Material provided:
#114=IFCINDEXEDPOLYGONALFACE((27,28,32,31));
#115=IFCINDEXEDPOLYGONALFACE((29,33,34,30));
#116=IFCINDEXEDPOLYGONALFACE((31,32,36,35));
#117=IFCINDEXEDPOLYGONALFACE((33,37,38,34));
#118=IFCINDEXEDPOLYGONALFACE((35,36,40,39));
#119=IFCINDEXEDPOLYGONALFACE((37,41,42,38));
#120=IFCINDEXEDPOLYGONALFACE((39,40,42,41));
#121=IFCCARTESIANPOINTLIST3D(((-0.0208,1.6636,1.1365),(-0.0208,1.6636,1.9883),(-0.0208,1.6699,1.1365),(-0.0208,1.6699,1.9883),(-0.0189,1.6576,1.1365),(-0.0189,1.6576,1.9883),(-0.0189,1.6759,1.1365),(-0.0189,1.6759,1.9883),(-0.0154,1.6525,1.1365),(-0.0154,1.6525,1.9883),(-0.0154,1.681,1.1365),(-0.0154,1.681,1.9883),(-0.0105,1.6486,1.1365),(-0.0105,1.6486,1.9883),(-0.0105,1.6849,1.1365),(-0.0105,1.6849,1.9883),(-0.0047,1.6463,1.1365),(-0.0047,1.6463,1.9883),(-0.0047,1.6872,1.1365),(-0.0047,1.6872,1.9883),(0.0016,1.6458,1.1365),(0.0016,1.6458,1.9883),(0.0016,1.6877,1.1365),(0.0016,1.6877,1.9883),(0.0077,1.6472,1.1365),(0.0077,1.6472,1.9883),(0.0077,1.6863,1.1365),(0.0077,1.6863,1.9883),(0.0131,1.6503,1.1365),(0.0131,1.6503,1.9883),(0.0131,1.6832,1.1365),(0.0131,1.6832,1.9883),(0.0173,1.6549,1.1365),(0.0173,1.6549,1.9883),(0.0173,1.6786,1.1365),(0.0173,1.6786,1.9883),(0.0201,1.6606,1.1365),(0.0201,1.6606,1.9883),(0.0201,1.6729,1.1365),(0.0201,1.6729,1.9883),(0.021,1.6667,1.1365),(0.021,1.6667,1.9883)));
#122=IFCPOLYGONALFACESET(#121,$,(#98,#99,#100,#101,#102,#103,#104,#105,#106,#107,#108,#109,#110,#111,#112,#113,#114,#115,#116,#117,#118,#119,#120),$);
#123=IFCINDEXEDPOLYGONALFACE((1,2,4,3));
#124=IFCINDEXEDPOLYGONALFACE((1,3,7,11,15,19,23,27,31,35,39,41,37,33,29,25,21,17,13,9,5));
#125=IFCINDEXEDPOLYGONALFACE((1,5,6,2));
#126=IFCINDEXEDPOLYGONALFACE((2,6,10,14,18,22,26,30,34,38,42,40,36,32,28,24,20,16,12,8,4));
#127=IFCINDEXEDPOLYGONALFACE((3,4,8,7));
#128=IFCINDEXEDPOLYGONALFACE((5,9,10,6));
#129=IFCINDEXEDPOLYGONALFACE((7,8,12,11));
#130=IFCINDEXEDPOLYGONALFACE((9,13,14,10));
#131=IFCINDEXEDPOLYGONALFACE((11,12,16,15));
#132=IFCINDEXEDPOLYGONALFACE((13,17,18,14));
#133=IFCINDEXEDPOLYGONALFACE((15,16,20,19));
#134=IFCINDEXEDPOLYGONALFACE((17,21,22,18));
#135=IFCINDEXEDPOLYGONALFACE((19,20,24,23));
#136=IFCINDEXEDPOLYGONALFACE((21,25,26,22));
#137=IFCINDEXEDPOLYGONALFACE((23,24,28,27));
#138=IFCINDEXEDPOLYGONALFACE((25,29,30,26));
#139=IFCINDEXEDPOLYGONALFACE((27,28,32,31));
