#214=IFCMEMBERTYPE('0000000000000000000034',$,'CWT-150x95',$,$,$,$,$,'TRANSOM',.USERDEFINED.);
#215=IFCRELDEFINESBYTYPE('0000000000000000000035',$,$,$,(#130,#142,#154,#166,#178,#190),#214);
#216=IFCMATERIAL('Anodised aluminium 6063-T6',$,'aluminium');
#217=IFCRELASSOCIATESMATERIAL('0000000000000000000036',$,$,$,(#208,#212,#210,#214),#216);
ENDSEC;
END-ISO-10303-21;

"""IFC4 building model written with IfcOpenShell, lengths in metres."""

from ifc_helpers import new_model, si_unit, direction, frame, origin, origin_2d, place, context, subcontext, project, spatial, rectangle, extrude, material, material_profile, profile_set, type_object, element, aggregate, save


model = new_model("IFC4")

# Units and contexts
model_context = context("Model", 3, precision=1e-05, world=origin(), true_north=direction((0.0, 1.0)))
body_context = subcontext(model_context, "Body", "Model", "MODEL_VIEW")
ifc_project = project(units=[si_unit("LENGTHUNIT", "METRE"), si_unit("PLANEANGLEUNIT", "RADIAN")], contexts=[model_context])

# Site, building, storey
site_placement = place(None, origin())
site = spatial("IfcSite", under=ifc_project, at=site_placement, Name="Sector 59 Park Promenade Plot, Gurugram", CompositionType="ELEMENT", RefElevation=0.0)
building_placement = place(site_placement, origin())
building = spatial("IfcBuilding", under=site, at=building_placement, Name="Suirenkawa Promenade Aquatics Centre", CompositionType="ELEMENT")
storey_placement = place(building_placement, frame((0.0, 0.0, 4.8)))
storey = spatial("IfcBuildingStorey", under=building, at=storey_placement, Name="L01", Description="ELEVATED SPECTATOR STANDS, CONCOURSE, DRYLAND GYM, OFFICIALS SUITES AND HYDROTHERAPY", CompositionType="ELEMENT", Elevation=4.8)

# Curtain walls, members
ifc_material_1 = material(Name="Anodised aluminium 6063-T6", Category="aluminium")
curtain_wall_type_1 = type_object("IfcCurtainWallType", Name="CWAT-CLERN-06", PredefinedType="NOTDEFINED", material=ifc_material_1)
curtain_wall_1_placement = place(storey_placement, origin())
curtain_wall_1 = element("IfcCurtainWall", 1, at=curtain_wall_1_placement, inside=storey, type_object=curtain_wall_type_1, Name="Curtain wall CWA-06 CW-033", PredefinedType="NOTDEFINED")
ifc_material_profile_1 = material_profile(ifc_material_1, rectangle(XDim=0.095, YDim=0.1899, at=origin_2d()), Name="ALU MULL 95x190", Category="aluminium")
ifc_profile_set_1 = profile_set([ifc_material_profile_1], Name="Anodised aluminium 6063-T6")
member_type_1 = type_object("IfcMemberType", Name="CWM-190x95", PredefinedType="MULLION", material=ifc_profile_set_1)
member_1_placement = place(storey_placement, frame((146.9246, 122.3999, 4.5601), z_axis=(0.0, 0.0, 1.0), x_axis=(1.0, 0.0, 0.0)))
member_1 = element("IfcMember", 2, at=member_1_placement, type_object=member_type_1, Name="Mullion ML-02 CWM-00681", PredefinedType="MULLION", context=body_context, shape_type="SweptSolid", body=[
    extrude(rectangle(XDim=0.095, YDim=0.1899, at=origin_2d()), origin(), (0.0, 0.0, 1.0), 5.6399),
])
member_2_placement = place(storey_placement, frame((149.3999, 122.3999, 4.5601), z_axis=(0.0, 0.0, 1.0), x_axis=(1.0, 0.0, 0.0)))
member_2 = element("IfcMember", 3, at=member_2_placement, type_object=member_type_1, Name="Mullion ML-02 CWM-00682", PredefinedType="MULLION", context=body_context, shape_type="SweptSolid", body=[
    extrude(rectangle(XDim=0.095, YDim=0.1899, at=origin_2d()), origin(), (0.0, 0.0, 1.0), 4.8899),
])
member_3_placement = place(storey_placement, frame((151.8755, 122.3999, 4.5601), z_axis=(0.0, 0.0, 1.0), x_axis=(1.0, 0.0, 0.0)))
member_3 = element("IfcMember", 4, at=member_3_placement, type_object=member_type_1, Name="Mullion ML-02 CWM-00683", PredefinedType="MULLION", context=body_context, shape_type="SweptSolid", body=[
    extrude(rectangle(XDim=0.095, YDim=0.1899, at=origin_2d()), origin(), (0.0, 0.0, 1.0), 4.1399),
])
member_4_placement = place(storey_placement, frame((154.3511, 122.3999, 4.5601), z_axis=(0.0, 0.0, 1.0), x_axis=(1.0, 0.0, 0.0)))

Exercise instructions:
Whenever the word "PredefinedType" shows up in a line above, copy that line.

Result for this task:
curtain_wall_type_1 = type_object("IfcCurtainWallType", Name="CWAT-CLERN-06", PredefinedType="NOTDEFINED", material=ifc_material_1)
curtain_wall_1 = element("IfcCurtainWall", 1, at=curtain_wall_1_placement, inside=storey, type_object=curtain_wall_type_1, Name="Curtain wall CWA-06 CW-033", PredefinedType="NOTDEFINED")
member_type_1 = type_object("IfcMemberType", Name="CWM-190x95", PredefinedType="MULLION", material=ifc_profile_set_1)
member_1 = element("IfcMember", 2, at=member_1_placement, type_object=member_type_1, Name="Mullion ML-02 CWM-00681", PredefinedType="MULLION", context=body_context, shape_type="SweptSolid", body=[
member_2 = element("IfcMember", 3, at=member_2_placement, type_object=member_type_1, Name="Mullion ML-02 CWM-00682", PredefinedType="MULLION", context=body_context, shape_type="SweptSolid", body=[
member_3 = element("IfcMember", 4, at=member_3_placement, type_object=member_type_1, Name="Mullion ML-02 CWM-00683", PredefinedType="MULLION", context=body_context, shape_type="SweptSolid", body=[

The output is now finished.